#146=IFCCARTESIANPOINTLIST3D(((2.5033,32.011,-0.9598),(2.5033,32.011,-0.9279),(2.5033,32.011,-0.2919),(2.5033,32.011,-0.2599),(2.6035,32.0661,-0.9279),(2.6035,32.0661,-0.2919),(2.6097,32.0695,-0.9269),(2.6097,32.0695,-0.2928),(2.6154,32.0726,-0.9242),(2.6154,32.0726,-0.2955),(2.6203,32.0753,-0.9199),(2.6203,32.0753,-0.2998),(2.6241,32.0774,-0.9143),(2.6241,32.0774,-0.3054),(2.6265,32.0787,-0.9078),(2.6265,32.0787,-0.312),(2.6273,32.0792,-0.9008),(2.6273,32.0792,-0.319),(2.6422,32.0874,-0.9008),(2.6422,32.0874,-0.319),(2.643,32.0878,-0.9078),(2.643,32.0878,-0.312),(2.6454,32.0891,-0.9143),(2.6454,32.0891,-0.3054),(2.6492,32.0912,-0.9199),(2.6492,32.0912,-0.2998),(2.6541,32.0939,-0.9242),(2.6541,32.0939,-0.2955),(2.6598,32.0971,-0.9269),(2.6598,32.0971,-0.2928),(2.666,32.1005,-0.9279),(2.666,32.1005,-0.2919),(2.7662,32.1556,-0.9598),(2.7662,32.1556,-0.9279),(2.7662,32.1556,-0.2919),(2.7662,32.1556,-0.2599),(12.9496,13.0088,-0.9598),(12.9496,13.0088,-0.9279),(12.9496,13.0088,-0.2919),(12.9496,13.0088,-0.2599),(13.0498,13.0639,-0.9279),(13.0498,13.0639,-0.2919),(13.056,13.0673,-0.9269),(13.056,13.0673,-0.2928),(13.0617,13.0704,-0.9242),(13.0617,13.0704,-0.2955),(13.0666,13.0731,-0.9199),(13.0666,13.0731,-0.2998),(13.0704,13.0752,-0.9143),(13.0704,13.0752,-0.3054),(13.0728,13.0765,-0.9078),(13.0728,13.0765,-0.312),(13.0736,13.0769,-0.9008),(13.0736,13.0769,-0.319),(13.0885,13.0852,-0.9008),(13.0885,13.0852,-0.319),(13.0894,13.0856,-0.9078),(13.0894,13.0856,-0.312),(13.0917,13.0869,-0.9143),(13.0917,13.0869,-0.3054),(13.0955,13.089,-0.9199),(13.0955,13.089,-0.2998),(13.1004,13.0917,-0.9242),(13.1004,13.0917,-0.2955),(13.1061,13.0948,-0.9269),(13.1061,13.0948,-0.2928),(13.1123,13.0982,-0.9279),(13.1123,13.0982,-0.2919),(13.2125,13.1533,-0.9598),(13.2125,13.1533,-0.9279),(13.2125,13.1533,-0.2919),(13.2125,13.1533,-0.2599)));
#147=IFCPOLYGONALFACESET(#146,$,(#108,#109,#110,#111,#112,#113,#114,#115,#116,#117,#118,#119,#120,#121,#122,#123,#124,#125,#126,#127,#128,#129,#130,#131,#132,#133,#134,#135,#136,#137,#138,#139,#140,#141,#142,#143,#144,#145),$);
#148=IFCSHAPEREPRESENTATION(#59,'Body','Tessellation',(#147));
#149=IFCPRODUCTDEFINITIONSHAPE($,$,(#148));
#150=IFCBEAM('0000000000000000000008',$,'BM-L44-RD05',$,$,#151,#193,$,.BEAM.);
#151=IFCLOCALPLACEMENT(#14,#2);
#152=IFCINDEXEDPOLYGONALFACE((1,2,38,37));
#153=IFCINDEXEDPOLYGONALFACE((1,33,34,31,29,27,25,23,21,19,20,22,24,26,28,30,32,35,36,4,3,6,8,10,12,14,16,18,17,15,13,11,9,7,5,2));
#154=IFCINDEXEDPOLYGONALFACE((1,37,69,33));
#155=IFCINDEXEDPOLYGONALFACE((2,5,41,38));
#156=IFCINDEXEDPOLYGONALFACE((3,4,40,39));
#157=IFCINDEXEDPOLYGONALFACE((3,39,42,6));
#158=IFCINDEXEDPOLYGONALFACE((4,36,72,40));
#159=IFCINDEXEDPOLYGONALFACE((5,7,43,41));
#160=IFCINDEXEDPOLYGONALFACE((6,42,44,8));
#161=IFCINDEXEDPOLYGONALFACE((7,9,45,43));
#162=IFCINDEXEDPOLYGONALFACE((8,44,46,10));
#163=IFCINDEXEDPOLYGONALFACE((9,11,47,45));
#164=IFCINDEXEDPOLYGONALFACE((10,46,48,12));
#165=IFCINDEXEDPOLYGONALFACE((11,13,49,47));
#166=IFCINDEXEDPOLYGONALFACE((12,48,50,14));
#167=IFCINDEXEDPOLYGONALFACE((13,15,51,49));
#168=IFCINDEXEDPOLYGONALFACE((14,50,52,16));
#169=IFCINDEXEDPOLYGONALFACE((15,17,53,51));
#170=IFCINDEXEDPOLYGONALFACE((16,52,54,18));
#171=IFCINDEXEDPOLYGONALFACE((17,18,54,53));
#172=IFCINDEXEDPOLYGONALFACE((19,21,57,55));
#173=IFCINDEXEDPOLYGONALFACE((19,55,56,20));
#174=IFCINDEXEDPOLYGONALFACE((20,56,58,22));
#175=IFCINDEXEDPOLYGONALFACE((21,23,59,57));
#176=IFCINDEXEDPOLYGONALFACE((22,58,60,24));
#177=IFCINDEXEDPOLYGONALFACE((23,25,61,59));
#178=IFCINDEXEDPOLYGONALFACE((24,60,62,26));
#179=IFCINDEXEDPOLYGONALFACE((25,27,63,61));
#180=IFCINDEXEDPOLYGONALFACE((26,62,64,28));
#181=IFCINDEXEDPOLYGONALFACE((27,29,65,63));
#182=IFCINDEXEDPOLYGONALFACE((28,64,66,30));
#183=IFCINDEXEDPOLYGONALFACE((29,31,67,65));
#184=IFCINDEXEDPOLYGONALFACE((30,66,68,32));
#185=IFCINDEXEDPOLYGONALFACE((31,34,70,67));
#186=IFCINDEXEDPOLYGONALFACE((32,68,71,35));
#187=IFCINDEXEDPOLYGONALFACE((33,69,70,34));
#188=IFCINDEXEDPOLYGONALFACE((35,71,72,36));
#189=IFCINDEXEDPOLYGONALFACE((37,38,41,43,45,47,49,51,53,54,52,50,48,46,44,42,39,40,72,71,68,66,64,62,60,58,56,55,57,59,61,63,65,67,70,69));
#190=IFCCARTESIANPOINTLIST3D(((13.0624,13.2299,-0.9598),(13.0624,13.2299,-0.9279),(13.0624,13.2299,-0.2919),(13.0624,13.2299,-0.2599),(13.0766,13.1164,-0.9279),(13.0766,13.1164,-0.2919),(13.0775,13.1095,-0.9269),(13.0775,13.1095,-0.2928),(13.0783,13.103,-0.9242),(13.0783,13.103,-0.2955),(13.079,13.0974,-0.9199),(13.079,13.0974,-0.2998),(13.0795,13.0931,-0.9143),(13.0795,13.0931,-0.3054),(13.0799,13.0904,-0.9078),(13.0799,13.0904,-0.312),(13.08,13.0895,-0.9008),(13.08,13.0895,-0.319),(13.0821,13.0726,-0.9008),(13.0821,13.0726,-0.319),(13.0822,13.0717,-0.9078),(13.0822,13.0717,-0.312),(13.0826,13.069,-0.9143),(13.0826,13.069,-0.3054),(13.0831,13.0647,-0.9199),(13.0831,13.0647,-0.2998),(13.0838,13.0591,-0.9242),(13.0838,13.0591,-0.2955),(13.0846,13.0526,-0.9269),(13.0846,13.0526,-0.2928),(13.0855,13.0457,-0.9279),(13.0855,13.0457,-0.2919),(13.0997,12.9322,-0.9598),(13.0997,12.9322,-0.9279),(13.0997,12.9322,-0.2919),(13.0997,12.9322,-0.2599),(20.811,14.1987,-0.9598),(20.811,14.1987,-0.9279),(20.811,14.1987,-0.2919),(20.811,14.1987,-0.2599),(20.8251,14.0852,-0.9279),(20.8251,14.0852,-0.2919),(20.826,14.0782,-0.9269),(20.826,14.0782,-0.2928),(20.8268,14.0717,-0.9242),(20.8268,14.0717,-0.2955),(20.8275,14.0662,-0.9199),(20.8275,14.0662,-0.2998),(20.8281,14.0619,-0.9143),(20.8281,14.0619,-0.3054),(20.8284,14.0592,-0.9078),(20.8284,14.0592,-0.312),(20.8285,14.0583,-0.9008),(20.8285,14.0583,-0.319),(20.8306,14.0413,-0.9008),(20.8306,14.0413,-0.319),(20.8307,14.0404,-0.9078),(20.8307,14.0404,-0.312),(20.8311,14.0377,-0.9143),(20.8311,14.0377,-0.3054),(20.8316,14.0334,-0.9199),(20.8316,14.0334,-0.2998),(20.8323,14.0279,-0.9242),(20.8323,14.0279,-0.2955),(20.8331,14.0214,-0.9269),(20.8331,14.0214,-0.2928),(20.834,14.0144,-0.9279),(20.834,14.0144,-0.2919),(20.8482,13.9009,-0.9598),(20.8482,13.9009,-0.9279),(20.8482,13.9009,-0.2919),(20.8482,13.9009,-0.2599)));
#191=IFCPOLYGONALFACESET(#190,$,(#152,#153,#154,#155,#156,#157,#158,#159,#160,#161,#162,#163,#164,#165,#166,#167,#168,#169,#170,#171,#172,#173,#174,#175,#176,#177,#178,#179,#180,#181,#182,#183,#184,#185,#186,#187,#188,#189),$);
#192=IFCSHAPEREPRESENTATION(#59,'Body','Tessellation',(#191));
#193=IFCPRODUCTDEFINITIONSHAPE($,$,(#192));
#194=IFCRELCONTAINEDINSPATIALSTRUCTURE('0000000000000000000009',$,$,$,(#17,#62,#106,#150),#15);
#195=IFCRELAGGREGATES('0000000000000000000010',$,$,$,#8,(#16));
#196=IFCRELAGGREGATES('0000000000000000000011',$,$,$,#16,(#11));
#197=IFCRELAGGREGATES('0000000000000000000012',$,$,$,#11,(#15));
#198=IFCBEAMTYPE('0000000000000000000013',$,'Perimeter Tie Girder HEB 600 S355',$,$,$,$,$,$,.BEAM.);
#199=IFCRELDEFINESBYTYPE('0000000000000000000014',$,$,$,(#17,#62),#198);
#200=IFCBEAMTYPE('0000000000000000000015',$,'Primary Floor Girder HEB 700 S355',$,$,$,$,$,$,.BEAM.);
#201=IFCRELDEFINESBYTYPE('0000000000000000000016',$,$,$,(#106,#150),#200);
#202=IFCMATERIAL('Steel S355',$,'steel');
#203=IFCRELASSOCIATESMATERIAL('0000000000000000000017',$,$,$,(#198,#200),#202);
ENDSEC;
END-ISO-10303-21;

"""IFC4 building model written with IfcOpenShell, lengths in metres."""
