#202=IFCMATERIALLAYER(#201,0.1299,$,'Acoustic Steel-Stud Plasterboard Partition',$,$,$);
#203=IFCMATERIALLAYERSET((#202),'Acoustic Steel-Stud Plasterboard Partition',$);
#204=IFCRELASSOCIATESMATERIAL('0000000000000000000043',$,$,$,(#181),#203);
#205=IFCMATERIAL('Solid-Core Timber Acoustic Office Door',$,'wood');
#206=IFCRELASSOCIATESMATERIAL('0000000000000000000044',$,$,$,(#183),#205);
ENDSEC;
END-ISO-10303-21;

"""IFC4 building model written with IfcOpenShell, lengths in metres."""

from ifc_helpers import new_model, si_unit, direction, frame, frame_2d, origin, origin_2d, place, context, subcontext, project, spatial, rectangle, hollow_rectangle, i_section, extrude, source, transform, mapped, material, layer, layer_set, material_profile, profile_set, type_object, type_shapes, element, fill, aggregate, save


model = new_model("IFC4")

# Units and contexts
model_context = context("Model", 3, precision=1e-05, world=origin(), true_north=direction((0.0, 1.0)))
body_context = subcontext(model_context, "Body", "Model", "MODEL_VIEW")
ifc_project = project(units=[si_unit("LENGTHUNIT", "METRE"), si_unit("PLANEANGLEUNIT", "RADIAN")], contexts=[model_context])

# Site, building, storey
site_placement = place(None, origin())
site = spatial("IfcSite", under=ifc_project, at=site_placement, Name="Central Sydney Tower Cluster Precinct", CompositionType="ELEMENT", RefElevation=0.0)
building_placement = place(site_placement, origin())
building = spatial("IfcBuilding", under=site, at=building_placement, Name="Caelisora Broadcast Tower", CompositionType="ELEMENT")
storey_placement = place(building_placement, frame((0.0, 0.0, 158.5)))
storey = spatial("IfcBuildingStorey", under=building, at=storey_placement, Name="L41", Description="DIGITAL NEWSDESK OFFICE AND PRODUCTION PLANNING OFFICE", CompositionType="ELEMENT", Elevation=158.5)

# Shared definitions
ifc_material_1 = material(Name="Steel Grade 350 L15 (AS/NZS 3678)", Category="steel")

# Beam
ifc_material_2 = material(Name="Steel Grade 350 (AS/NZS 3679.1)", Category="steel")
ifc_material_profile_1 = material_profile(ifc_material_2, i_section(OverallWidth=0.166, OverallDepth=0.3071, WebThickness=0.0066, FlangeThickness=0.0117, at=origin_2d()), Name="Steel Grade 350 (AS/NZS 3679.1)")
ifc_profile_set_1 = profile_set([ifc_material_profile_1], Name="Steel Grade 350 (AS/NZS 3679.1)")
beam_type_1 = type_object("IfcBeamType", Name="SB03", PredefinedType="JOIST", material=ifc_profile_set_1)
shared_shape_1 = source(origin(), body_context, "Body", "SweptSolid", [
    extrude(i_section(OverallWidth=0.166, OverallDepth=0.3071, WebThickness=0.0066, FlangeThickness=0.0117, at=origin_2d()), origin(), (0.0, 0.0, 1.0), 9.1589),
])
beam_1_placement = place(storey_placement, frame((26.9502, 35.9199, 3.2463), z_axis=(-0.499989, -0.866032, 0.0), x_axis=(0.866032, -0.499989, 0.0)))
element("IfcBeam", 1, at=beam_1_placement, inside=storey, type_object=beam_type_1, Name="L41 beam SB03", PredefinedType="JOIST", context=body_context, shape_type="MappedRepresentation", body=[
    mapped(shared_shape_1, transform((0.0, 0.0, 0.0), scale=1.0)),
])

════════════════

PROBLEM TO WORK ON: Filter the lines above so that only those with the string "Name" remain, then copy them.

TASK OUTPUT:
site = spatial("IfcSite", under=ifc_project, at=site_placement, Name="Central Sydney Tower Cluster Precinct", CompositionType="ELEMENT", RefElevation=0.0)
building = spatial("IfcBuilding", under=site, at=building_placement, Name="Caelisora Broadcast Tower", CompositionType="ELEMENT")
storey = spatial("IfcBuildingStorey", under=building, at=storey_placement, Name="L41", Description="DIGITAL NEWSDESK OFFICE AND PRODUCTION PLANNING OFFICE", CompositionType="ELEMENT", Elevation=158.5)
ifc_material_1 = material(Name="Steel Grade 350 L15 (AS/NZS 3678)", Category="steel")
ifc_material_2 = material(Name="Steel Grade 350 (AS/NZS 3679.1)", Category="steel")
ifc_material_profile_1 = material_profile(ifc_material_2, i_section(OverallWidth=0.166, OverallDepth=0.3071, WebThickness=0.0066, FlangeThickness=0.0117, at=origin_2d()), Name="Steel Grade 350 (AS/NZS 3679.1)")
ifc_profile_set_1 = profile_set([ifc_material_profile_1], Name="Steel Grade 350 (AS/NZS 3679.1)")
beam_type_1 = type_object("IfcBeamType", Name="SB03", PredefinedType="JOIST", material=ifc_profile_set_1)
element("IfcBeam", 1, at=beam_1_placement, inside=storey, type_object=beam_type_1, Name="L41 beam SB03", PredefinedType="JOIST", context=body_context, shape_type="MappedRepresentation", body=[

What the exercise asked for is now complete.